* ABOUT THIS EXERCISE
All lines from the opening of the data to the line containing "#215=IFCMATERIALLAYER(#214,0.03,$,$,$,$,$);" must be returned unchanged, and only those lines.
++++ PROVIDED RECORDS ++++
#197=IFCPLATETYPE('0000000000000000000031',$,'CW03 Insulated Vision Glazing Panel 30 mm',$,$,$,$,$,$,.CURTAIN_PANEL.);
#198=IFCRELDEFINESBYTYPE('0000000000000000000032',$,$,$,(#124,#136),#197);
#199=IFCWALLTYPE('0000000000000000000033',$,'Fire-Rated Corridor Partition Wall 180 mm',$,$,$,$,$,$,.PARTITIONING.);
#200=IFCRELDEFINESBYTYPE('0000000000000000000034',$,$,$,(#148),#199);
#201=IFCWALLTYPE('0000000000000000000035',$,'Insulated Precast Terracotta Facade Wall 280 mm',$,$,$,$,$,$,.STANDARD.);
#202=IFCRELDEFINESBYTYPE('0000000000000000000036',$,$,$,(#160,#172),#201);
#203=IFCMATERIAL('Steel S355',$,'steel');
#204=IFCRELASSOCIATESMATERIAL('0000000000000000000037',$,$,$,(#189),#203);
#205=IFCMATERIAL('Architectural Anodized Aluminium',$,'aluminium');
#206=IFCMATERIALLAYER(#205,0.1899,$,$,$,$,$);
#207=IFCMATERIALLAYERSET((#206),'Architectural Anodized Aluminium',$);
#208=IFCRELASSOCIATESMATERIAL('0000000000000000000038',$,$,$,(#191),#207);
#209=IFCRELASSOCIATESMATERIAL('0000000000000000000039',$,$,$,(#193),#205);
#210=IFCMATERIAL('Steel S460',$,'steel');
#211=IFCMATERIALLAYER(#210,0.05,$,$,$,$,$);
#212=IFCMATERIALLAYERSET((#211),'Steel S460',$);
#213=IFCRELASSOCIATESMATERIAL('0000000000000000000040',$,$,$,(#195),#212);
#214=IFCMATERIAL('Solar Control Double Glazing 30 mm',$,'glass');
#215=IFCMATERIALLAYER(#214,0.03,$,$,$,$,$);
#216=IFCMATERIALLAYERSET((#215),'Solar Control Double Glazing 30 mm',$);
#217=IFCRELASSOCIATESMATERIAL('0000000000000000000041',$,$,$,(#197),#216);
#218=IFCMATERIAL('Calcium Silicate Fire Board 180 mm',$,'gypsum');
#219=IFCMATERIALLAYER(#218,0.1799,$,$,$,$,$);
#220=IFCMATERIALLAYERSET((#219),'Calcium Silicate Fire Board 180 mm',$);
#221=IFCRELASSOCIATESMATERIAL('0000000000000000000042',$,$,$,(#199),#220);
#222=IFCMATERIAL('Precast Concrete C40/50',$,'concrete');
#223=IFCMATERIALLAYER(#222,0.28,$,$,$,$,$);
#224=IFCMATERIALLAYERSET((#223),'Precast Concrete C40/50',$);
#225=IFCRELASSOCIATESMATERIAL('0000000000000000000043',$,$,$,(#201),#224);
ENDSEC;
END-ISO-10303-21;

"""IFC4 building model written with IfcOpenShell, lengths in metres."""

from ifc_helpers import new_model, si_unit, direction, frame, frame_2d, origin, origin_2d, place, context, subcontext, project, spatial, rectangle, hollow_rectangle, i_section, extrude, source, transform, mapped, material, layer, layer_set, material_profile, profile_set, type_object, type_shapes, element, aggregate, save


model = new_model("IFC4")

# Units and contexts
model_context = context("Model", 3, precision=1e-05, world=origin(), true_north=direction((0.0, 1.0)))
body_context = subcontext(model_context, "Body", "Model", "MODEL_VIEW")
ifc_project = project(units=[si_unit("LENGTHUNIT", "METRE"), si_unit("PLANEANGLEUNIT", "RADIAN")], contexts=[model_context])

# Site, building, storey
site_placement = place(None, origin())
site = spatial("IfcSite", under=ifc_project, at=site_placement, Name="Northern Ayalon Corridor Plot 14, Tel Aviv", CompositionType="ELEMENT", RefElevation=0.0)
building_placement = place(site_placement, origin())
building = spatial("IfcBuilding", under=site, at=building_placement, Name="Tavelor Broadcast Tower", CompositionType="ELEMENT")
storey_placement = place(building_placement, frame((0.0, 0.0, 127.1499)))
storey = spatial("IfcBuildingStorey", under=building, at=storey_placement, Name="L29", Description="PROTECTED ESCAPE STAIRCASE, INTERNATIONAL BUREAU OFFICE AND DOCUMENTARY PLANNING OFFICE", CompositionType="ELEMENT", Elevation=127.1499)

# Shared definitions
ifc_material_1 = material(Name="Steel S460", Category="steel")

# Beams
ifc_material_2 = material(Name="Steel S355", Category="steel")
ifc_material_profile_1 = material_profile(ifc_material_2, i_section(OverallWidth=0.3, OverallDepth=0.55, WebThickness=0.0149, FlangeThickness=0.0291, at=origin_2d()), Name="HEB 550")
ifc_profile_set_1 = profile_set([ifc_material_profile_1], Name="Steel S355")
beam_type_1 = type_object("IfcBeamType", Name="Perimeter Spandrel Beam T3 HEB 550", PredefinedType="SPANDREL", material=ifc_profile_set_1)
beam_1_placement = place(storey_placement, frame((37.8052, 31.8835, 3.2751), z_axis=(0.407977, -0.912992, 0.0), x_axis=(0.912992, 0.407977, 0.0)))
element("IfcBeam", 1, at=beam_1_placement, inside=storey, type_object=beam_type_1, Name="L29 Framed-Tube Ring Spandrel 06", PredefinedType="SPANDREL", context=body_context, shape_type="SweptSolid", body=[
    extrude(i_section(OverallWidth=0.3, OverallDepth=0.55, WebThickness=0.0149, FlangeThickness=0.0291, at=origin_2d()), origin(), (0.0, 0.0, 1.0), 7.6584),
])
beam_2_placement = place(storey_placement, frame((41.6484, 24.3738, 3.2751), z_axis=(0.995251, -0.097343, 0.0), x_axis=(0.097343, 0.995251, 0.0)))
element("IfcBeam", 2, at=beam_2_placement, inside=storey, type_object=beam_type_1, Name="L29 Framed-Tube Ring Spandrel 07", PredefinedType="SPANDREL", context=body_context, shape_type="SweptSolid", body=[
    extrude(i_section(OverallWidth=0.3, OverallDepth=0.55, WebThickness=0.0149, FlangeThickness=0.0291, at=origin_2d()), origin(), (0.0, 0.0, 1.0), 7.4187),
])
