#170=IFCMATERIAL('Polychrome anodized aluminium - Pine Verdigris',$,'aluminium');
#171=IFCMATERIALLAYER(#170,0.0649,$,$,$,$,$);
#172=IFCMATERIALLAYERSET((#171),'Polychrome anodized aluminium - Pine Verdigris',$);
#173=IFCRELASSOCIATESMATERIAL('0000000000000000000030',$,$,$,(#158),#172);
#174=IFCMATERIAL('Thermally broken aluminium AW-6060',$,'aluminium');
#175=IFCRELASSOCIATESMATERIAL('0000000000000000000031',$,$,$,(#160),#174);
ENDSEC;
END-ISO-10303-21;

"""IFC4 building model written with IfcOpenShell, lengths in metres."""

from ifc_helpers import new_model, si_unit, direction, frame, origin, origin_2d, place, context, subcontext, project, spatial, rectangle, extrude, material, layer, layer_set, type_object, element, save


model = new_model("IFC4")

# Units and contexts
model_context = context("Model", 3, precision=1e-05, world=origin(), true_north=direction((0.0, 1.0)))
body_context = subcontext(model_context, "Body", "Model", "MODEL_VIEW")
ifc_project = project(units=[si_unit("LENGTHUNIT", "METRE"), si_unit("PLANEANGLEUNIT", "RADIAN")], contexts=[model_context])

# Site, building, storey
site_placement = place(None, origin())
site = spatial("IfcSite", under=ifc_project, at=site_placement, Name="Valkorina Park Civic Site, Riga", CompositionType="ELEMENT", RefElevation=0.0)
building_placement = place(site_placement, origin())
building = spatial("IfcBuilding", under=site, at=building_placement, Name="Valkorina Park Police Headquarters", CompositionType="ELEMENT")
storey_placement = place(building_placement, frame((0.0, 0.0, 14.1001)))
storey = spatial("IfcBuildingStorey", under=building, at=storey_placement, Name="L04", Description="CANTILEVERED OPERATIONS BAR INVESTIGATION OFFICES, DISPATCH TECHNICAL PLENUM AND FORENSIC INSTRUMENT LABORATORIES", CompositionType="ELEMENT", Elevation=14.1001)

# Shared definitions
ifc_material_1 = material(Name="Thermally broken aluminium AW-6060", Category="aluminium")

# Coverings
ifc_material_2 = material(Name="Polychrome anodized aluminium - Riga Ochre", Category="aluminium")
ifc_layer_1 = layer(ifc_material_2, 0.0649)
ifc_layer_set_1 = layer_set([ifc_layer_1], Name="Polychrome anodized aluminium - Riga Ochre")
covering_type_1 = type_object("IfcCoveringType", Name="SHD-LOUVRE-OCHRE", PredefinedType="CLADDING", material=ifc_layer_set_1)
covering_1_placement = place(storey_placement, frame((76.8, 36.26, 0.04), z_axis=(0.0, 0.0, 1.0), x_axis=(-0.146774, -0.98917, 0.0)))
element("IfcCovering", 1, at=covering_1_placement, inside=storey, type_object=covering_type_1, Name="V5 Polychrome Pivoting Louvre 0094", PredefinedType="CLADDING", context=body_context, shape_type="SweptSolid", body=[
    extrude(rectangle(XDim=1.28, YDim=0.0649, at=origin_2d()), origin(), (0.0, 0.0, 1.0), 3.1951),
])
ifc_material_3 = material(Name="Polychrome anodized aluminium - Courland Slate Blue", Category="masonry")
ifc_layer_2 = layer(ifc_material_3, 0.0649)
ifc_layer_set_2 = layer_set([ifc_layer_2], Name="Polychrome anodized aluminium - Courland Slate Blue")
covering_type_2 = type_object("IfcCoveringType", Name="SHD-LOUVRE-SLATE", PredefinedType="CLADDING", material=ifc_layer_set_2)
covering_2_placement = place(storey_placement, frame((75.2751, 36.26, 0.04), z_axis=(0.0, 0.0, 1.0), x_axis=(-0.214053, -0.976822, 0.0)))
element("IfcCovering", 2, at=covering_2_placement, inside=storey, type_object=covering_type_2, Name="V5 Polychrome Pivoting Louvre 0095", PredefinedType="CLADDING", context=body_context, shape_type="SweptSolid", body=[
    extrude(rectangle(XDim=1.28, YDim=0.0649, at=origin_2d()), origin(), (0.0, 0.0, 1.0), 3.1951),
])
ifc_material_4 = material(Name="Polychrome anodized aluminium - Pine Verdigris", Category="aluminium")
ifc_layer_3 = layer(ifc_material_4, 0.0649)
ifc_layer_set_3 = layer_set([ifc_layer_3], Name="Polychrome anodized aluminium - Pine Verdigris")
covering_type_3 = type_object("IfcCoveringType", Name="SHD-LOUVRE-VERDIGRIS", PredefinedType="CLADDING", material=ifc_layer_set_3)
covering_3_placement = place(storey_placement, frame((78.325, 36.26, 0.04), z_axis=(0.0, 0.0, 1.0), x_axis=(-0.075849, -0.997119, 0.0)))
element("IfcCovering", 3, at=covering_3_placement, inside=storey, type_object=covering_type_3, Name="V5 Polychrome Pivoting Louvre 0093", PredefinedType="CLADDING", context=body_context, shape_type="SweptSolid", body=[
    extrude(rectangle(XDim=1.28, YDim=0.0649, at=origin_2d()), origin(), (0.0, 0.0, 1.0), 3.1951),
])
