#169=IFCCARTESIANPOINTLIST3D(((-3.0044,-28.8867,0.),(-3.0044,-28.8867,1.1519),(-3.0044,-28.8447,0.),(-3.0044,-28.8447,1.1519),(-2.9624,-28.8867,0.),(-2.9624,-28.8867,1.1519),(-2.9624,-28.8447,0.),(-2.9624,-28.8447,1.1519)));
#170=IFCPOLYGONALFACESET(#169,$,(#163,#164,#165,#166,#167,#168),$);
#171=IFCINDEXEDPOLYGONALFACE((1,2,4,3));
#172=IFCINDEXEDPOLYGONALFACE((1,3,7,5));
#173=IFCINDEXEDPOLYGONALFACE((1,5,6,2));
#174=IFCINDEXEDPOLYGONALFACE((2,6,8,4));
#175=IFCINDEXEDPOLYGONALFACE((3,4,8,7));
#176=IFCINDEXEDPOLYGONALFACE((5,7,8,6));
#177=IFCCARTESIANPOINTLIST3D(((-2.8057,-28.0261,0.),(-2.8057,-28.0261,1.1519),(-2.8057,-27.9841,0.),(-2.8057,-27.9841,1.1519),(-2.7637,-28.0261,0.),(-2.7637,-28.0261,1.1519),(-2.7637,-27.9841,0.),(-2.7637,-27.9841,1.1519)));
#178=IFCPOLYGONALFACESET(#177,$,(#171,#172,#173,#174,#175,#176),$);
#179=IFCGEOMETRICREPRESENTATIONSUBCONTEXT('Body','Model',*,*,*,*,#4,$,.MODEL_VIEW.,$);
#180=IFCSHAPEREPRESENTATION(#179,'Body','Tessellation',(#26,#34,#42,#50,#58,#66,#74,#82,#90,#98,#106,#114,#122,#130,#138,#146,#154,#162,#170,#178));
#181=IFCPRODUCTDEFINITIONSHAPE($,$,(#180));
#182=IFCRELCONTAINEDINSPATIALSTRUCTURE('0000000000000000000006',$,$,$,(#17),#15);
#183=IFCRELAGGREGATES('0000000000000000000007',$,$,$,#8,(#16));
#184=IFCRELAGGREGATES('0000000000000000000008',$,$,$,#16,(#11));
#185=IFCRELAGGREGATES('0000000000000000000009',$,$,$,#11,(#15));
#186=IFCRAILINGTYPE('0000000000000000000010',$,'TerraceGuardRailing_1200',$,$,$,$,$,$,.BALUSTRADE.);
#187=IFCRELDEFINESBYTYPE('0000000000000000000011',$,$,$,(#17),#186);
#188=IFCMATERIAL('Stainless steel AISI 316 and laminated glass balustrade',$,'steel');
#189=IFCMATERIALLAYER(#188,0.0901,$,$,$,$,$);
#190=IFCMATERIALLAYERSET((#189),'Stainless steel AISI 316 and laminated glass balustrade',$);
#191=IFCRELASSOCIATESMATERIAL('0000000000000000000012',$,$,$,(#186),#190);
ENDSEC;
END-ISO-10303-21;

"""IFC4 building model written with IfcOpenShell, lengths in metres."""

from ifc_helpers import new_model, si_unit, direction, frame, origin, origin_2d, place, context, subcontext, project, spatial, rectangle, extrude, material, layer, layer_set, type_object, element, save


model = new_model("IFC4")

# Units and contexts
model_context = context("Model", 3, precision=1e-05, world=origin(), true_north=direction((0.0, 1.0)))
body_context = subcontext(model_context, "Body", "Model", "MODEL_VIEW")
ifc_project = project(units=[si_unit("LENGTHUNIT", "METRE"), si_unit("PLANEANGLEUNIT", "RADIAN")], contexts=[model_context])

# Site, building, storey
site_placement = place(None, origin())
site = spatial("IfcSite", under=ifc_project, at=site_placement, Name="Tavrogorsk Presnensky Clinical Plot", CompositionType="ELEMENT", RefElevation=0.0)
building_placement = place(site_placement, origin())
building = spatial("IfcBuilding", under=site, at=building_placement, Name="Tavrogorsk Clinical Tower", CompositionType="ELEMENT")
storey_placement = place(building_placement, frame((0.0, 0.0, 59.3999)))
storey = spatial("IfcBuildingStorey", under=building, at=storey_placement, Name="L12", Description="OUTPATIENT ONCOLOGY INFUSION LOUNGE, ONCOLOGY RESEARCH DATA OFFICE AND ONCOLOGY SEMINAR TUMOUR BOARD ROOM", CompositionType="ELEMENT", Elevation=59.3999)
++++
* ANSWER AREA
#197=IFCPLATETYPE('0000000000000000000031',$,'CW03 Insulated Vision Glazing Panel 30 mm',$,$,$,$,$,$,.CURTAIN_PANEL.);
#198=IFCRELDEFINESBYTYPE('0000000000000000000032',$,$,$,(#124,#136),#197);
#199=IFCWALLTYPE('0000000000000000000033',$,'Fire-Rated Corridor Partition Wall 180 mm',$,$,$,$,$,$,.PARTITIONING.);
#200=IFCRELDEFINESBYTYPE('0000000000000000000034',$,$,$,(#148),#199);
#201=IFCWALLTYPE('0000000000000000000035',$,'Insulated Precast Terracotta Facade Wall 280 mm',$,$,$,$,$,$,.STANDARD.);
#202=IFCRELDEFINESBYTYPE('0000000000000000000036',$,$,$,(#160,#172),#201);
#203=IFCMATERIAL('Steel S355',$,'steel');
#204=IFCRELASSOCIATESMATERIAL('0000000000000000000037',$,$,$,(#189),#203);
#205=IFCMATERIAL('Architectural Anodized Aluminium',$,'aluminium');
#206=IFCMATERIALLAYER(#205,0.1899,$,$,$,$,$);
#207=IFCMATERIALLAYERSET((#206),'Architectural Anodized Aluminium',$);
#208=IFCRELASSOCIATESMATERIAL('0000000000000000000038',$,$,$,(#191),#207);
#209=IFCRELASSOCIATESMATERIAL('0000000000000000000039',$,$,$,(#193),#205);
#210=IFCMATERIAL('Steel S460',$,'steel');
#211=IFCMATERIALLAYER(#210,0.05,$,$,$,$,$);
#212=IFCMATERIALLAYERSET((#211),'Steel S460',$);
#213=IFCRELASSOCIATESMATERIAL('0000000000000000000040',$,$,$,(#195),#212);
#214=IFCMATERIAL('Solar Control Double Glazing 30 mm',$,'glass');
#215=IFCMATERIALLAYER(#214,0.03,$,$,$,$,$);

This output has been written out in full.